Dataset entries
----

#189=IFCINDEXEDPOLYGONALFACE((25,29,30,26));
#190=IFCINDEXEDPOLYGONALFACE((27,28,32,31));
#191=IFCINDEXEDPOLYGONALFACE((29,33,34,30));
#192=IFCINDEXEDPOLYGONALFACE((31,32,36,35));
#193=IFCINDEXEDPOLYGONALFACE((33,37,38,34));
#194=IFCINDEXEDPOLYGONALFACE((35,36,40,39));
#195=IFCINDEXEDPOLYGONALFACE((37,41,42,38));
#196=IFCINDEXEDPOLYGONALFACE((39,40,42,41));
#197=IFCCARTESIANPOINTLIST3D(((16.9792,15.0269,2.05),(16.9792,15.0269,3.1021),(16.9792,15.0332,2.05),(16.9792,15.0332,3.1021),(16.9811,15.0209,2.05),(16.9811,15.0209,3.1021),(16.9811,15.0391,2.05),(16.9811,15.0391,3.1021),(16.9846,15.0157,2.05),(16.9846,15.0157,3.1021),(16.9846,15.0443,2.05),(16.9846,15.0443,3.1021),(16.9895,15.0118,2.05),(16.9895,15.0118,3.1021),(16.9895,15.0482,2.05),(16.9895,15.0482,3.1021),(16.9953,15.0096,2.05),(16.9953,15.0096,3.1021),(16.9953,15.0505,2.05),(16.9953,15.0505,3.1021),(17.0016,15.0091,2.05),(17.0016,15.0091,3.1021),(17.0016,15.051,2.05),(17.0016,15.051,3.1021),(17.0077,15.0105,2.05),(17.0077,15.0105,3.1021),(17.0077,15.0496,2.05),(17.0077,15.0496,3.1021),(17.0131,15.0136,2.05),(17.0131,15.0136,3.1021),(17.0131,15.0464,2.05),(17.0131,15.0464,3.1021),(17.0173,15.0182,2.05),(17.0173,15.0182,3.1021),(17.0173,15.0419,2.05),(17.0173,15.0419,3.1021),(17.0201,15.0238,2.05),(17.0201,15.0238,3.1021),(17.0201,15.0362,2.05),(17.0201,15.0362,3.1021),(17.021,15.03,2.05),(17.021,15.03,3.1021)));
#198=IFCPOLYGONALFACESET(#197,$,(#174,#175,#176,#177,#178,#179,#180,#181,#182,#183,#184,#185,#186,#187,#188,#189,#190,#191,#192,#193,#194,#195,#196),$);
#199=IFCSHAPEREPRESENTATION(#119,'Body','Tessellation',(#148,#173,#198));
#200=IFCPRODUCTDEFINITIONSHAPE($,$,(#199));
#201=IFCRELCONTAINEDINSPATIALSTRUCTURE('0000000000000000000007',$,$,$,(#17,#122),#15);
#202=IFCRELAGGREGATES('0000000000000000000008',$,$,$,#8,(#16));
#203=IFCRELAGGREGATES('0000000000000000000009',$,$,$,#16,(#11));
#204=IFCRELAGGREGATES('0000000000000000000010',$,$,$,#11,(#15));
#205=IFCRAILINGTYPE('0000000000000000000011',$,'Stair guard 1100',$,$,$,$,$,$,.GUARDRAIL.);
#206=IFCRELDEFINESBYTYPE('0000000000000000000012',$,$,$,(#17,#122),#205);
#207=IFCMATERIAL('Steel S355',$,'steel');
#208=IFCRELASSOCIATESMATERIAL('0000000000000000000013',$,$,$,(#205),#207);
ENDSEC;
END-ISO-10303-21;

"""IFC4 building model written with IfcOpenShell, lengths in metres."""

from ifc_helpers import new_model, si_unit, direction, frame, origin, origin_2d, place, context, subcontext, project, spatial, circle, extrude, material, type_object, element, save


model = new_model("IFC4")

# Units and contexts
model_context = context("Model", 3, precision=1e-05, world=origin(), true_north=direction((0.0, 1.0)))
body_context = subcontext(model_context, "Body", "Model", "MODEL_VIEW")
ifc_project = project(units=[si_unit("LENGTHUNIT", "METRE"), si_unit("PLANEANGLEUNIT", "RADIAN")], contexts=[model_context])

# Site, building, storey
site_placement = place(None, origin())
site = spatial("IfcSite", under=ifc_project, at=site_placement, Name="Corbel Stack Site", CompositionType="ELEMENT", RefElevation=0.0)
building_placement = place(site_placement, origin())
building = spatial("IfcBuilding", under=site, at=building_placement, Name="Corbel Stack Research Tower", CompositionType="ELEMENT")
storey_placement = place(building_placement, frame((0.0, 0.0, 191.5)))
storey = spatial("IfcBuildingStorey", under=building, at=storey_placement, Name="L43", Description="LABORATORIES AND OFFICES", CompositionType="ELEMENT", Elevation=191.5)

----

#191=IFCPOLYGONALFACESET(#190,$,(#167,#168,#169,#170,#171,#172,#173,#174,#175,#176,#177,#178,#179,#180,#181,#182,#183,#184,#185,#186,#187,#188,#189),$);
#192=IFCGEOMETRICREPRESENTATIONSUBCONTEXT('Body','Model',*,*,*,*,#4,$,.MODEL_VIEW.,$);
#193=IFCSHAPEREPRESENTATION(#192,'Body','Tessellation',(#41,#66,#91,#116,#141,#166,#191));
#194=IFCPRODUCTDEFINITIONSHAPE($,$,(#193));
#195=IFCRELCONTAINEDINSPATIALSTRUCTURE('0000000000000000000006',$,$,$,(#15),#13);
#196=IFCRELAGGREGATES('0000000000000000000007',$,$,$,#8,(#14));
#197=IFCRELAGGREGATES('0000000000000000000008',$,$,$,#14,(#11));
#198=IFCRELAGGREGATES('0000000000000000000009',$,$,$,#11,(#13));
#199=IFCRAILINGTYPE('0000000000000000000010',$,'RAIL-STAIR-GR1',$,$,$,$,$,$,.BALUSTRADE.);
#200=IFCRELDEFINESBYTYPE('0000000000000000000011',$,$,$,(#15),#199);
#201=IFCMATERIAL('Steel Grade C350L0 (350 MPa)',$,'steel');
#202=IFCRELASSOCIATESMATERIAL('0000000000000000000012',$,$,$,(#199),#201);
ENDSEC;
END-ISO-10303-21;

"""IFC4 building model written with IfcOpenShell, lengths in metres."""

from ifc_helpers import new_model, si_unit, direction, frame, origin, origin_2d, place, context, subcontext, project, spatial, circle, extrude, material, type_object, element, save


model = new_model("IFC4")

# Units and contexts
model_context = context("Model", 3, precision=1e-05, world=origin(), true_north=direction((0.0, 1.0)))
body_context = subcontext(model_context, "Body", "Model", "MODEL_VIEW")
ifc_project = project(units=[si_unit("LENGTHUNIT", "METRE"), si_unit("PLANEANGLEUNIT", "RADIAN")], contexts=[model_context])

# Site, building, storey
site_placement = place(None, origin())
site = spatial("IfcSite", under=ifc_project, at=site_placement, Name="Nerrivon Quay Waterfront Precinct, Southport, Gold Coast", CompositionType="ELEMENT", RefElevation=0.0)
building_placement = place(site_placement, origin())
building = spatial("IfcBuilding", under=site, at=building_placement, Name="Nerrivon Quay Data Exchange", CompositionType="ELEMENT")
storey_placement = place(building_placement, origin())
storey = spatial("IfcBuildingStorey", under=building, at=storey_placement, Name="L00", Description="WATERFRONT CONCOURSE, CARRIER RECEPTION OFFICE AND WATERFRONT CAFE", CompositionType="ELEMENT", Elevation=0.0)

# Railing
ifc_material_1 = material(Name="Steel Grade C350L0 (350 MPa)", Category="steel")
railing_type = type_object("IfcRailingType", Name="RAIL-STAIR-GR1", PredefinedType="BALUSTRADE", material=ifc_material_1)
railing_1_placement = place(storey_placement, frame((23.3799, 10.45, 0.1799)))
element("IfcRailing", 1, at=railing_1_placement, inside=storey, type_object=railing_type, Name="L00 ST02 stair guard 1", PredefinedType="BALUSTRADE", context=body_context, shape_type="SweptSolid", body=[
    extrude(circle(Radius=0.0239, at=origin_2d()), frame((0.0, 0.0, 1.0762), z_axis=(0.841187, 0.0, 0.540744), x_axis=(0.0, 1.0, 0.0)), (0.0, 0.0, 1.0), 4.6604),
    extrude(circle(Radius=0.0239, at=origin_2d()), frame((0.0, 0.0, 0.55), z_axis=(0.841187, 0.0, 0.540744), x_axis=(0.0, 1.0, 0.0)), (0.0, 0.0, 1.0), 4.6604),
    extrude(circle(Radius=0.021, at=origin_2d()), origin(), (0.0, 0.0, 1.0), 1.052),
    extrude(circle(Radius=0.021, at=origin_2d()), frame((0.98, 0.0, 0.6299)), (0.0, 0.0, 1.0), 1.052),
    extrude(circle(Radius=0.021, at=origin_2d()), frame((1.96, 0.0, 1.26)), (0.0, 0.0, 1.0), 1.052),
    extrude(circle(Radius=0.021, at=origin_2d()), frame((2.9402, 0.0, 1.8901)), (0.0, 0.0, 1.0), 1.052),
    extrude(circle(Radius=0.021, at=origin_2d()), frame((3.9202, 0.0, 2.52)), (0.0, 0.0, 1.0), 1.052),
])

----

■ GOAL OF THE EXERCISE
Only the lines above from the line containing "#195=IFCINDEXEDPOLYGONALFACE((37,41,42,38));" through the line containing "#196=IFCINDEXEDPOLYGONALFACE((39,40,42,41));" should be retyped, exactly and with both ends included.

■ TASK OUTPUT
#195=IFCINDEXEDPOLYGONALFACE((37,41,42,38));
#196=IFCINDEXEDPOLYGONALFACE((39,40,42,41));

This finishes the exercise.